Task goal ->
Take the entries that follow and write them out again, word for word.

Dataset entries ->
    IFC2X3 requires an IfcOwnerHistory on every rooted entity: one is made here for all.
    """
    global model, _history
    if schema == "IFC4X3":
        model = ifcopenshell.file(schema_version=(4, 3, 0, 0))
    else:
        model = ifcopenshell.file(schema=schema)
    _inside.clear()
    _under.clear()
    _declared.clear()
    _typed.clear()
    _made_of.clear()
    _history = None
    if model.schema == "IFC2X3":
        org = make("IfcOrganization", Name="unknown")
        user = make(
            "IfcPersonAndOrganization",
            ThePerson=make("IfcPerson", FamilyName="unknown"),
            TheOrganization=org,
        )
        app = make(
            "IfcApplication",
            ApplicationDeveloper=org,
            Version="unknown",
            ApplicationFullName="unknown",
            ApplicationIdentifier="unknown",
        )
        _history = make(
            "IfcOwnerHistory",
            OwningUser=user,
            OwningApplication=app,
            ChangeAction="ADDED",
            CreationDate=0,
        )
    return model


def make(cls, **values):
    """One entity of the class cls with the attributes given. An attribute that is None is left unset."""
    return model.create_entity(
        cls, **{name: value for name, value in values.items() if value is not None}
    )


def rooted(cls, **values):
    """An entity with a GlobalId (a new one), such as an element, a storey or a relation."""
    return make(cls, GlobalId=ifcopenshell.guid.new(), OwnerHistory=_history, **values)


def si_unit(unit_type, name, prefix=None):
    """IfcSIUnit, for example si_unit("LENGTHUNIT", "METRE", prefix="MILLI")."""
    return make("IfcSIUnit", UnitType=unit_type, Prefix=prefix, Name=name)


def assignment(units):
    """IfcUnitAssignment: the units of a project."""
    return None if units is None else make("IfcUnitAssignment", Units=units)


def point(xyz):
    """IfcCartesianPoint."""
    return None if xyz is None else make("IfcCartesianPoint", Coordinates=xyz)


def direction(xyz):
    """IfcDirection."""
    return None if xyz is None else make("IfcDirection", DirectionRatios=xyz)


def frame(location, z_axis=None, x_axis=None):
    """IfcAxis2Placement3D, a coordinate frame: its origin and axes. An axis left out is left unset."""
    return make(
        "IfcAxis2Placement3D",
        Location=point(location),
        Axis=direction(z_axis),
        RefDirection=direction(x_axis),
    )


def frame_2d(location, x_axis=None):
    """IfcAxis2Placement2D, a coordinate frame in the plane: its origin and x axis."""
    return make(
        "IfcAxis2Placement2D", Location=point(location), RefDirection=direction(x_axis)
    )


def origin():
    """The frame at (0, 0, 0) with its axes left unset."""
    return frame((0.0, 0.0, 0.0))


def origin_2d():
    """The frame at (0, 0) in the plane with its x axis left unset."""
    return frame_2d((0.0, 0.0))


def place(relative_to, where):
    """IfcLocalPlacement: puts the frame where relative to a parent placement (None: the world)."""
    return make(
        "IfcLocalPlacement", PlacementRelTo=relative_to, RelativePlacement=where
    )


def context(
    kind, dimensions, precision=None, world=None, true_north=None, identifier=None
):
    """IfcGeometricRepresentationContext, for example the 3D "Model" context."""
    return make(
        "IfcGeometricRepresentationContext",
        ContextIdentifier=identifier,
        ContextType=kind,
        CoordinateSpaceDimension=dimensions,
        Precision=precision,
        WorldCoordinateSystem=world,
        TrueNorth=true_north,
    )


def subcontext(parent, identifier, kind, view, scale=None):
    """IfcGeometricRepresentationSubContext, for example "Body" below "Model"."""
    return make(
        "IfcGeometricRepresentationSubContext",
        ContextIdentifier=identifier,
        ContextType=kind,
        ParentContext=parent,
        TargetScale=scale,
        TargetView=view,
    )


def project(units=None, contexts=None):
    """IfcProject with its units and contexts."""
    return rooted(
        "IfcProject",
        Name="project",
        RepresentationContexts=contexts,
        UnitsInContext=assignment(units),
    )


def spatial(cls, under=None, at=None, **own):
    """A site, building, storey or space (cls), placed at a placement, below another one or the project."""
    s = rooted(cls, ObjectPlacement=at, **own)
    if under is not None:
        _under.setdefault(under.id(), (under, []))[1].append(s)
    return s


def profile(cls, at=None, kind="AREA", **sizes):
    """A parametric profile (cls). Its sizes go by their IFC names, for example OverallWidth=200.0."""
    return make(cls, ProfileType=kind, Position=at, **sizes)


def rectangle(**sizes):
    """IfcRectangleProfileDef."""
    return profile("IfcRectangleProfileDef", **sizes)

Solution to this exercise ->
    IFC2X3 requires an IfcOwnerHistory on every rooted entity: one is made here for all.
    """
    global model, _history
    if schema == "IFC4X3":
        model = ifcopenshell.file(schema_version=(4, 3, 0, 0))
    else:
        model = ifcopenshell.file(schema=schema)
    _inside.clear()
    _under.clear()
    _declared.clear()
    _typed.clear()
    _made_of.clear()
    _history = None
    if model.schema == "IFC2X3":
        org = make("IfcOrganization", Name="unknown")
        user = make(
            "IfcPersonAndOrganization",
            ThePerson=make("IfcPerson", FamilyName="unknown"),
            TheOrganization=org,
        )
        app = make(
            "IfcApplication",
            ApplicationDeveloper=org,
            Version="unknown",
            ApplicationFullName="unknown",
            ApplicationIdentifier="unknown",
        )
        _history = make(
            "IfcOwnerHistory",
            OwningUser=user,
            OwningApplication=app,
            ChangeAction="ADDED",
            CreationDate=0,
        )
    return model


def make(cls, **values):
    """One entity of the class cls with the attributes given. An attribute that is None is left unset."""
    return model.create_entity(
        cls, **{name: value for name, value in values.items() if value is not None}
    )


def rooted(cls, **values):
    """An entity with a GlobalId (a new one), such as an element, a storey or a relation."""
    return make(cls, GlobalId=ifcopenshell.guid.new(), OwnerHistory=_history, **values)


def si_unit(unit_type, name, prefix=None):
    """IfcSIUnit, for example si_unit("LENGTHUNIT", "METRE", prefix="MILLI")."""
    return make("IfcSIUnit", UnitType=unit_type, Prefix=prefix, Name=name)


def assignment(units):
    """IfcUnitAssignment: the units of a project."""
    return None if units is None else make("IfcUnitAssignment", Units=units)


def point(xyz):
    """IfcCartesianPoint."""
    return None if xyz is None else make("IfcCartesianPoint", Coordinates=xyz)


def direction(xyz):
    """IfcDirection."""
    return None if xyz is None else make("IfcDirection", DirectionRatios=xyz)


def frame(location, z_axis=None, x_axis=None):
    """IfcAxis2Placement3D, a coordinate frame: its origin and axes. An axis left out is left unset."""
    return make(
        "IfcAxis2Placement3D",
        Location=point(location),
        Axis=direction(z_axis),
        RefDirection=direction(x_axis),
    )


def frame_2d(location, x_axis=None):
    """IfcAxis2Placement2D, a coordinate frame in the plane: its origin and x axis."""
    return make(
        "IfcAxis2Placement2D", Location=point(location), RefDirection=direction(x_axis)
    )


def origin():
    """The frame at (0, 0, 0) with its axes left unset."""
    return frame((0.0, 0.0, 0.0))


def origin_2d():
    """The frame at (0, 0) in the plane with its x axis left unset."""
    return frame_2d((0.0, 0.0))


def place(relative_to, where):
    """IfcLocalPlacement: puts the frame where relative to a parent placement (None: the world)."""
    return make(
        "IfcLocalPlacement", PlacementRelTo=relative_to, RelativePlacement=where
    )


def context(
    kind, dimensions, precision=None, world=None, true_north=None, identifier=None
):
    """IfcGeometricRepresentationContext, for example the 3D "Model" context."""
    return make(
        "IfcGeometricRepresentationContext",
        ContextIdentifier=identifier,
        ContextType=kind,
        CoordinateSpaceDimension=dimensions,
        Precision=precision,
        WorldCoordinateSystem=world,
        TrueNorth=true_north,
    )


def subcontext(parent, identifier, kind, view, scale=None):
    """IfcGeometricRepresentationSubContext, for example "Body" below "Model"."""
    return make(
        "IfcGeometricRepresentationSubContext",
        ContextIdentifier=identifier,
        ContextType=kind,
        ParentContext=parent,
        TargetScale=scale,
        TargetView=view,
    )


def project(units=None, contexts=None):
    """IfcProject with its units and contexts."""
    return rooted(
        "IfcProject",
        Name="project",
        RepresentationContexts=contexts,
        UnitsInContext=assignment(units),
    )


def spatial(cls, under=None, at=None, **own):
    """A site, building, storey or space (cls), placed at a placement, below another one or the project."""
    s = rooted(cls, ObjectPlacement=at, **own)
    if under is not None:
        _under.setdefault(under.id(), (under, []))[1].append(s)
    return s


def profile(cls, at=None, kind="AREA", **sizes):
    """A parametric profile (cls). Its sizes go by their IFC names, for example OverallWidth=200.0."""
    return make(cls, ProfileType=kind, Position=at, **sizes)


def rectangle(**sizes):
    """IfcRectangleProfileDef."""
    return profile("IfcRectangleProfileDef", **sizes)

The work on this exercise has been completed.